Task objective:
From the listing below, pull out the lines that hold "origin".

Supplied data:
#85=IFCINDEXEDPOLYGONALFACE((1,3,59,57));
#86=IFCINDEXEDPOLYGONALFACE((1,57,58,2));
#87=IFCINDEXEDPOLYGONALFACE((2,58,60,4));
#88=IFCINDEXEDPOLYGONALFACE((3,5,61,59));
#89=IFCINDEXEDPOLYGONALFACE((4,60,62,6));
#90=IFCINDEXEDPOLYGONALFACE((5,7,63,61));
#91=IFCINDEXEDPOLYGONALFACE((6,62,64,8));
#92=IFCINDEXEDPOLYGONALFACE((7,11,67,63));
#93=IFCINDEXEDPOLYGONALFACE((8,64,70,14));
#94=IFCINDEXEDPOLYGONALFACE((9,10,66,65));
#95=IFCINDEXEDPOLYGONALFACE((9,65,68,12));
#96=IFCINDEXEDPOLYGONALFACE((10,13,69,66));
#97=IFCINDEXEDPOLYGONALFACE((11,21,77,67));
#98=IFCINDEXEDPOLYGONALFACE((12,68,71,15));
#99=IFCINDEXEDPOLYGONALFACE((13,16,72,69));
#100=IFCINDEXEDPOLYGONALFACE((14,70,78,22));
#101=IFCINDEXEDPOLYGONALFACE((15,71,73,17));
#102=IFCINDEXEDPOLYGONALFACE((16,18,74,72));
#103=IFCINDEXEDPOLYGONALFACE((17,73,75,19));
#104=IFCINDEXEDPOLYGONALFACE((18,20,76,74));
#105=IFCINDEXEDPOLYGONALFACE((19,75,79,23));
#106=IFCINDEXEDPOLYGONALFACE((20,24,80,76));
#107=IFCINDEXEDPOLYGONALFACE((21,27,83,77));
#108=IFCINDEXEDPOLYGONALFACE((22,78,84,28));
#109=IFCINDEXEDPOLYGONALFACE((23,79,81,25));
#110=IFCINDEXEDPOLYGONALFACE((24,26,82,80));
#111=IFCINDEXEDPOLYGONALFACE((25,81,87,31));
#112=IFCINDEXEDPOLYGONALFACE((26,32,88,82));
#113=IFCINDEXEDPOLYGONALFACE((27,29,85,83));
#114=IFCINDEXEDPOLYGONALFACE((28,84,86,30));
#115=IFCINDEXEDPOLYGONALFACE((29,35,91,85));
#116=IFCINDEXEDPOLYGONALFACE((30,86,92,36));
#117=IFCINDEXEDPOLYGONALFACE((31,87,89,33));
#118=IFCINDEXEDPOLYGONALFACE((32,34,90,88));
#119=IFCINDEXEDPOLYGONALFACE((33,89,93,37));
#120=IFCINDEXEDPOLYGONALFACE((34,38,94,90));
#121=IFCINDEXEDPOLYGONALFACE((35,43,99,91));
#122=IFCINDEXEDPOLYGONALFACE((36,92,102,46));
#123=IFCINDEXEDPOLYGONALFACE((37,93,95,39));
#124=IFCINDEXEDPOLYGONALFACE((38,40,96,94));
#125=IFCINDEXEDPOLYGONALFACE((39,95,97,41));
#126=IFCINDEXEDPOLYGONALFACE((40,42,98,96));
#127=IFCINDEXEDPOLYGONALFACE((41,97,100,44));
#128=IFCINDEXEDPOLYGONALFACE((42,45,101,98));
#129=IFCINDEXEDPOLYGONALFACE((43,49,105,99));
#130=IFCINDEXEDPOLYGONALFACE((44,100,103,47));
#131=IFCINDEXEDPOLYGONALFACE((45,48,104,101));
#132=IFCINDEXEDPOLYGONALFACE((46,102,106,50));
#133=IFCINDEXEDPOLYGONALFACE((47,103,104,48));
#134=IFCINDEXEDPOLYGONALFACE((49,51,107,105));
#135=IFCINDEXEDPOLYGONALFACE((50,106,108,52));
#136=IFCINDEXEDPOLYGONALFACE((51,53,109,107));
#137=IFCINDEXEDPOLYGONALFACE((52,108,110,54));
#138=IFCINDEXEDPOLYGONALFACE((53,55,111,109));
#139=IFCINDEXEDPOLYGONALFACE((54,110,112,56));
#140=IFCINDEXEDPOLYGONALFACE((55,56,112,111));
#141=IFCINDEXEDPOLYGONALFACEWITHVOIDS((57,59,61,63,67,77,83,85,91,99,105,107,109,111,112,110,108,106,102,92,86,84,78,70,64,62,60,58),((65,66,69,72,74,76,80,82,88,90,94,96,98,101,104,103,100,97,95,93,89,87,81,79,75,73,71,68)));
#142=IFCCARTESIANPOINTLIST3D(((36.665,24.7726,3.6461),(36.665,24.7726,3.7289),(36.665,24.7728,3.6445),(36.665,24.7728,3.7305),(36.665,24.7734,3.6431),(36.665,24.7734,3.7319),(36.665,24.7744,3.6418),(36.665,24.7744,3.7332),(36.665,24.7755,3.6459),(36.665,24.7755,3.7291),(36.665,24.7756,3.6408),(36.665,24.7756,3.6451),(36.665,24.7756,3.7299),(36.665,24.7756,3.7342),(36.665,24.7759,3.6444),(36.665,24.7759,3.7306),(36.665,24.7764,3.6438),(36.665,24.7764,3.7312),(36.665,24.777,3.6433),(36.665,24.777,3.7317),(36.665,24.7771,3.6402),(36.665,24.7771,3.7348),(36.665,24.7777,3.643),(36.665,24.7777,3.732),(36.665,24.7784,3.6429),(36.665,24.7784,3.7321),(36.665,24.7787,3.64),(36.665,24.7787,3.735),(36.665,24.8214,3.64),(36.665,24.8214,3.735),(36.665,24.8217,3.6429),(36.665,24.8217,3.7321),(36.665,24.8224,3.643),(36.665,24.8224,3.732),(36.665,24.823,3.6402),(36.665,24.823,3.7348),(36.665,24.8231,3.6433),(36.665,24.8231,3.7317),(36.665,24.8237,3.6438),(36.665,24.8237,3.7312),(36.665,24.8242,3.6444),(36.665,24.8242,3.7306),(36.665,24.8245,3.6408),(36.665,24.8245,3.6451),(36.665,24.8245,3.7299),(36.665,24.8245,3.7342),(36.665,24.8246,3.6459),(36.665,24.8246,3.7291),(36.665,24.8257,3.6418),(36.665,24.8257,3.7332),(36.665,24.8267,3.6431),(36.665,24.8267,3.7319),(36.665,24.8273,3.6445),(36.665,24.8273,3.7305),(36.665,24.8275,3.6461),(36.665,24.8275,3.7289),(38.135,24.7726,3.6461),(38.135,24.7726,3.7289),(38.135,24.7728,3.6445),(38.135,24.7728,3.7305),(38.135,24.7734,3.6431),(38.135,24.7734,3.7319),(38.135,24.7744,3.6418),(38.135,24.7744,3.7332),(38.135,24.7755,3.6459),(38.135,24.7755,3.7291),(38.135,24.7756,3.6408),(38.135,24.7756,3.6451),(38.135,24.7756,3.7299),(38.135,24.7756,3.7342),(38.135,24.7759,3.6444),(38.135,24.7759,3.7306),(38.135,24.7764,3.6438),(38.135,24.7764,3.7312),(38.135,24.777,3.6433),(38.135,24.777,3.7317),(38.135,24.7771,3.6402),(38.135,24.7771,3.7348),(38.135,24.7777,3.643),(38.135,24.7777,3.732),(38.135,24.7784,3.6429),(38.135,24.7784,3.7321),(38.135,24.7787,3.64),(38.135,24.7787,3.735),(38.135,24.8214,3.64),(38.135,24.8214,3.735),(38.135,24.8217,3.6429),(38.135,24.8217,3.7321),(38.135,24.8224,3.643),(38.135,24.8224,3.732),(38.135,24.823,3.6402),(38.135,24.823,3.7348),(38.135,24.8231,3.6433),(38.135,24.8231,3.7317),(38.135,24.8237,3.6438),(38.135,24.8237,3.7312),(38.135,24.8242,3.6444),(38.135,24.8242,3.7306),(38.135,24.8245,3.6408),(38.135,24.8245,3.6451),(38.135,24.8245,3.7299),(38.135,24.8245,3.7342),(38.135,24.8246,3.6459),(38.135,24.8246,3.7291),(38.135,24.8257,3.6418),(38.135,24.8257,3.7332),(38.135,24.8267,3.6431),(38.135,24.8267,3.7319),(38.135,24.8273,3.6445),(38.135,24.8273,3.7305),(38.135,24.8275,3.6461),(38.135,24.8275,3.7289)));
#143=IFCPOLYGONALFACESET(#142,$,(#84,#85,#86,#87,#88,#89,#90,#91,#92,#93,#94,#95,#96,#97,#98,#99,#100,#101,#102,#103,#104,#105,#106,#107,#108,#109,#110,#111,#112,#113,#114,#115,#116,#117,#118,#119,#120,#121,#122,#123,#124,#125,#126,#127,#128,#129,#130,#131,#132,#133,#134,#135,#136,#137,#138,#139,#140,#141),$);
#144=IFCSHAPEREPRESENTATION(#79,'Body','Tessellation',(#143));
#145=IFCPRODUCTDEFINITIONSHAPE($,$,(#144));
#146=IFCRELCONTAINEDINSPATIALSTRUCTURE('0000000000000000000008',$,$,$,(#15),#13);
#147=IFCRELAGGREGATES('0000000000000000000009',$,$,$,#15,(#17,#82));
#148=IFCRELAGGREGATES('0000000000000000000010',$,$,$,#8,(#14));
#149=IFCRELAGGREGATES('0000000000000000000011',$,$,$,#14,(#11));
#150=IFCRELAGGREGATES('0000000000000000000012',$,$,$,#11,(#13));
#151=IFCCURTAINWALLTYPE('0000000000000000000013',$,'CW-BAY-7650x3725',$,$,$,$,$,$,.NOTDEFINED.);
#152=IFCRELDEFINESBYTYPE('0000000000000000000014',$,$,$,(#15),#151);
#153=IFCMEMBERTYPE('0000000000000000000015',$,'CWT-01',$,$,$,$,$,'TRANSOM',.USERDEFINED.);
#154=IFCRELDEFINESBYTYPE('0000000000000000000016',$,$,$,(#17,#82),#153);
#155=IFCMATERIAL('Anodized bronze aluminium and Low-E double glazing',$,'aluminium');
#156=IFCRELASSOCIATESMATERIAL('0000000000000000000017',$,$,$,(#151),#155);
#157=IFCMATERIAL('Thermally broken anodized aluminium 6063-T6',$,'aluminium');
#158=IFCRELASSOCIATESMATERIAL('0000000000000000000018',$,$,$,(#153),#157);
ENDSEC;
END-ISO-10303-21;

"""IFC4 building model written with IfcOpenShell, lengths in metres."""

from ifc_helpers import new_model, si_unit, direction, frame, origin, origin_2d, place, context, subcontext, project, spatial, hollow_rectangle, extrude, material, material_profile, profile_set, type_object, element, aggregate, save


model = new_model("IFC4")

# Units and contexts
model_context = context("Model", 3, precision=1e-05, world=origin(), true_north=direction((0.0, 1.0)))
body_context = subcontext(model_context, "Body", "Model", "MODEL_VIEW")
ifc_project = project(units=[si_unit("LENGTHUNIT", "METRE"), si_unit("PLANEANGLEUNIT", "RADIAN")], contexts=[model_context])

Worked solution:
from ifc_helpers import new_model, si_unit, direction, frame, origin, origin_2d, place, context, subcontext, project, spatial, hollow_rectangle, extrude, material, material_profile, profile_set, type_object, element, aggregate, save
model_context = context("Model", 3, precision=1e-05, world=origin(), true_north=direction((0.0, 1.0)))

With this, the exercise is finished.